THE DATA Start Marker

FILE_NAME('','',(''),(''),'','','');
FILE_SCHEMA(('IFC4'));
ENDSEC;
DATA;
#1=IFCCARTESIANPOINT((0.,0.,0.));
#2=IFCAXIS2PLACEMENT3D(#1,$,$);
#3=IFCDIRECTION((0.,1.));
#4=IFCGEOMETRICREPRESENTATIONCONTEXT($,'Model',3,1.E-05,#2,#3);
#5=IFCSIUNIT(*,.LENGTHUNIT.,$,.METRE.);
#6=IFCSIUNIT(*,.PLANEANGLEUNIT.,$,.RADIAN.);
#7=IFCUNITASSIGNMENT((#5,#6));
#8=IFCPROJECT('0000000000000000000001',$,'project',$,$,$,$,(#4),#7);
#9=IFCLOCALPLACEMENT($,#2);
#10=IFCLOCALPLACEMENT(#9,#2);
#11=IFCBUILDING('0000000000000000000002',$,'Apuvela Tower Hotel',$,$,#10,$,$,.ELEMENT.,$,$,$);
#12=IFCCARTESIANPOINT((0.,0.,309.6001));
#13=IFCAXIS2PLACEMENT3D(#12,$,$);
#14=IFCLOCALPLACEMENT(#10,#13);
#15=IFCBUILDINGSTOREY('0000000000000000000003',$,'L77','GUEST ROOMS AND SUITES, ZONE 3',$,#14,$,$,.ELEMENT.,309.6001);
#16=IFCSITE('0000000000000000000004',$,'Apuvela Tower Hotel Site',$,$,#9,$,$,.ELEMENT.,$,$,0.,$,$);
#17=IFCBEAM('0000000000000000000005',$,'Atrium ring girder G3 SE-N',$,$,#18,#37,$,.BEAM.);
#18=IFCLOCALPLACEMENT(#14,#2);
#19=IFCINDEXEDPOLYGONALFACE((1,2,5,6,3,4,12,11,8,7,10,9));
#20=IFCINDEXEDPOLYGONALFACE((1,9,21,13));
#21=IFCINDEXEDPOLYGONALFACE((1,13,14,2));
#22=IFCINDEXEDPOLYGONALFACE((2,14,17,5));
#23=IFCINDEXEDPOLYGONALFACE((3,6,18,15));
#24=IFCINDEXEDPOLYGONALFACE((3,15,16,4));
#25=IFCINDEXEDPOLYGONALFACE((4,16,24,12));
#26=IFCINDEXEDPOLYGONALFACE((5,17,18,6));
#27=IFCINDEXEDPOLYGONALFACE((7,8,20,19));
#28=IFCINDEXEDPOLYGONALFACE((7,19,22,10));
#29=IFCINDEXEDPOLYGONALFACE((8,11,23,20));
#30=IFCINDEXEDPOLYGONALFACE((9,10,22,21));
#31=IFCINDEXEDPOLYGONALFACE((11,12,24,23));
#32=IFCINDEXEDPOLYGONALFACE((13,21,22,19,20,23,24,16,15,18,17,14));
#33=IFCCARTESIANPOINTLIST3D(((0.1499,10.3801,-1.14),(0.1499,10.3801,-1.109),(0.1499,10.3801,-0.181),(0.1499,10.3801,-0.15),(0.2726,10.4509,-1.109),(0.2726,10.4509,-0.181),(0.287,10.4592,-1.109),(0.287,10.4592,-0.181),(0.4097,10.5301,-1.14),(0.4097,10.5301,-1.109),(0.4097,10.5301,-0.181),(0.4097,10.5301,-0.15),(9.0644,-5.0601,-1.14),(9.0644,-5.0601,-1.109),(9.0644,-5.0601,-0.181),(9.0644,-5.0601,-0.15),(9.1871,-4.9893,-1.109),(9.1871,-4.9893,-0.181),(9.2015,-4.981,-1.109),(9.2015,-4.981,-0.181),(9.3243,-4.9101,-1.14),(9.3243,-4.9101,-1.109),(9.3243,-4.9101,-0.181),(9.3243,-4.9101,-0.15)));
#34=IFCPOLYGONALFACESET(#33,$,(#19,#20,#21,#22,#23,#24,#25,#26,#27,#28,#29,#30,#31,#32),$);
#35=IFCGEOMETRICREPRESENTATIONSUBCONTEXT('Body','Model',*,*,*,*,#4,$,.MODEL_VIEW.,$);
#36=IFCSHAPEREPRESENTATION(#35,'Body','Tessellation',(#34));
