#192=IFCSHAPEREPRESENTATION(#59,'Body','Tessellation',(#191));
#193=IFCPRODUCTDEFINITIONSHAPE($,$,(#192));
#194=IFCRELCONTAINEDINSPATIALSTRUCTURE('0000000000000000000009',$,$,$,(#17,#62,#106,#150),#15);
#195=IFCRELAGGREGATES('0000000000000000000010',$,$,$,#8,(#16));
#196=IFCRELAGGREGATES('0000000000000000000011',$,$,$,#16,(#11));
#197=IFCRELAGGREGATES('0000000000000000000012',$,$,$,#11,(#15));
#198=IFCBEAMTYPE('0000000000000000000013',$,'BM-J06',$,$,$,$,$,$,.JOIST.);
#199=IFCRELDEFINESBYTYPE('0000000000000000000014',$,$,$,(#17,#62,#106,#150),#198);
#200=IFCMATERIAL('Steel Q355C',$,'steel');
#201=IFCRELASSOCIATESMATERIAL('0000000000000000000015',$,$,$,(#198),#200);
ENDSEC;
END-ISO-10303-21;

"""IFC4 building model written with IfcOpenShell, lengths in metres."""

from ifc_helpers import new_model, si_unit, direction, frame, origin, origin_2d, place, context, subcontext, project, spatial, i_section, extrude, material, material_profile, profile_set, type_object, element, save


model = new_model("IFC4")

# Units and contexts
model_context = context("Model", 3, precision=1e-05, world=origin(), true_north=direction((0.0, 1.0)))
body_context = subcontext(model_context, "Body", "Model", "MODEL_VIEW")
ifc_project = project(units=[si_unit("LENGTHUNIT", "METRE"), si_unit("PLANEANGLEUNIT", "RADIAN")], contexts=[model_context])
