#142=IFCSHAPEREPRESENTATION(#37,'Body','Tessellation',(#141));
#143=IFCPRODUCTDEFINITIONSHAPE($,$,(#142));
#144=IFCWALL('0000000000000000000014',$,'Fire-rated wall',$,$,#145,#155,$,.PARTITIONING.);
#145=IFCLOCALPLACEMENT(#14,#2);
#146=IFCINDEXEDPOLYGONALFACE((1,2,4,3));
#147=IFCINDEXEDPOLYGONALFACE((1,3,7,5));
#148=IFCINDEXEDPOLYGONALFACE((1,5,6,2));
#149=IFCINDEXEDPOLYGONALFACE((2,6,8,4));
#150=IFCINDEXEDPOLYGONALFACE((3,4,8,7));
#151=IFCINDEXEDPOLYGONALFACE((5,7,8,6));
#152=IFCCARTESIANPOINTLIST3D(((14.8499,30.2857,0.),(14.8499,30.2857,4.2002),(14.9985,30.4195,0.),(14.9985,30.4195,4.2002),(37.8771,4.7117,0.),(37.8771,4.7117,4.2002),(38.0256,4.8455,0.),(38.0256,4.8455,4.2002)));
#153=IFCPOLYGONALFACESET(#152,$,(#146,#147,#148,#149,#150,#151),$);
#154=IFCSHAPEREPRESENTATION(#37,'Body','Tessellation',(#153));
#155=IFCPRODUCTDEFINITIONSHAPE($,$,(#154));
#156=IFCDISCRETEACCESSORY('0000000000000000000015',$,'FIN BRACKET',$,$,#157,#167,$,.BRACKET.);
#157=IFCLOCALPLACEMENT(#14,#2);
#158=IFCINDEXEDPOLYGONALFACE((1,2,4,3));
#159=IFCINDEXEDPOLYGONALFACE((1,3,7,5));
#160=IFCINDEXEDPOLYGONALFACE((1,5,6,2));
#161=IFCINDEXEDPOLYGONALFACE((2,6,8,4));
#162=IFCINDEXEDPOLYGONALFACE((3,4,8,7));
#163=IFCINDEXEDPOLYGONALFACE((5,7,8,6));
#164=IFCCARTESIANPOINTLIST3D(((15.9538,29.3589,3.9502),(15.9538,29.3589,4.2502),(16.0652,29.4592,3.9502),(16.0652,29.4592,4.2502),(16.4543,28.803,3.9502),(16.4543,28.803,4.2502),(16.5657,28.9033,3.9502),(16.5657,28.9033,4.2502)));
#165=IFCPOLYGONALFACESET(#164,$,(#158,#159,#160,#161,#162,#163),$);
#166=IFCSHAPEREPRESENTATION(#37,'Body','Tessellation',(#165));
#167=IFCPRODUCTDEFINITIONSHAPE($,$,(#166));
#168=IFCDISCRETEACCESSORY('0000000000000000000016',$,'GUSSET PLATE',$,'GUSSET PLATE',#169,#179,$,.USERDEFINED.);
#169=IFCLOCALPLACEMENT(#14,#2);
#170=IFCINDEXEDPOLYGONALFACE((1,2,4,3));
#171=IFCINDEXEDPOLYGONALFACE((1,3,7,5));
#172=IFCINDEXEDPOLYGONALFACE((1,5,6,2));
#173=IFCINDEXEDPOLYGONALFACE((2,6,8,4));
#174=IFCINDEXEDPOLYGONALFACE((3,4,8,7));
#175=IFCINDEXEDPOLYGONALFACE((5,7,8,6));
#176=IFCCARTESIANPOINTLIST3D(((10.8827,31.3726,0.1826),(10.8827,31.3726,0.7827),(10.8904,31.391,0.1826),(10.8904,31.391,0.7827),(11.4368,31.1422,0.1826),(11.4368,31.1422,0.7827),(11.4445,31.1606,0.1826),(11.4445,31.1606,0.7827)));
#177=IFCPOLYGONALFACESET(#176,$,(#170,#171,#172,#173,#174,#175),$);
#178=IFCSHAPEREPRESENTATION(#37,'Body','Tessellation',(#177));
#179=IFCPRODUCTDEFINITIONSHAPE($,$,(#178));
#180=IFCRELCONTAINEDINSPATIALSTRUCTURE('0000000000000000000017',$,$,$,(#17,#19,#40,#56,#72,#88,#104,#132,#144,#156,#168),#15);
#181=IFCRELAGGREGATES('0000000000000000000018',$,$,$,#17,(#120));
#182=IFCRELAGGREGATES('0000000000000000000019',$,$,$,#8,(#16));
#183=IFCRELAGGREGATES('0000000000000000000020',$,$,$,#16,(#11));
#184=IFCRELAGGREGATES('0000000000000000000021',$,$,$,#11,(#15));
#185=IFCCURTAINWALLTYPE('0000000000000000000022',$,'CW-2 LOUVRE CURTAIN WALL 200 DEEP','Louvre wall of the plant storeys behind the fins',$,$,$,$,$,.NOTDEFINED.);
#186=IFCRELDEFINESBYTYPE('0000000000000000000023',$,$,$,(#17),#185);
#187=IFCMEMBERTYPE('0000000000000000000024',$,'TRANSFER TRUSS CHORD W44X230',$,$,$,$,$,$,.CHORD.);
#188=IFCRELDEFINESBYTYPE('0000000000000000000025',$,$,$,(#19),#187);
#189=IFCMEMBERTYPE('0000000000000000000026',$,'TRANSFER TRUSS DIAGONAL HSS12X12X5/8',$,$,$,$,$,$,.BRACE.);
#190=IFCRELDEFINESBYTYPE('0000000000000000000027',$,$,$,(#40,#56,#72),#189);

THE DATA End Marker

▸ **TASK BRIEF**
Gather and copy every line of the data in which the string "Tessellation" is found.

▸ **THE ANSWER**
#36=IFCSHAPEREPRESENTATION(#35,'Body','Tessellation',(#34));
#192=IFCSHAPEREPRESENTATION(#59,'Body','Tessellation',(#191));
#142=IFCSHAPEREPRESENTATION(#37,'Body','Tessellation',(#141));
#154=IFCSHAPEREPRESENTATION(#37,'Body','Tessellation',(#153));
#166=IFCSHAPEREPRESENTATION(#37,'Body','Tessellation',(#165));
#178=IFCSHAPEREPRESENTATION(#37,'Body','Tessellation',(#177));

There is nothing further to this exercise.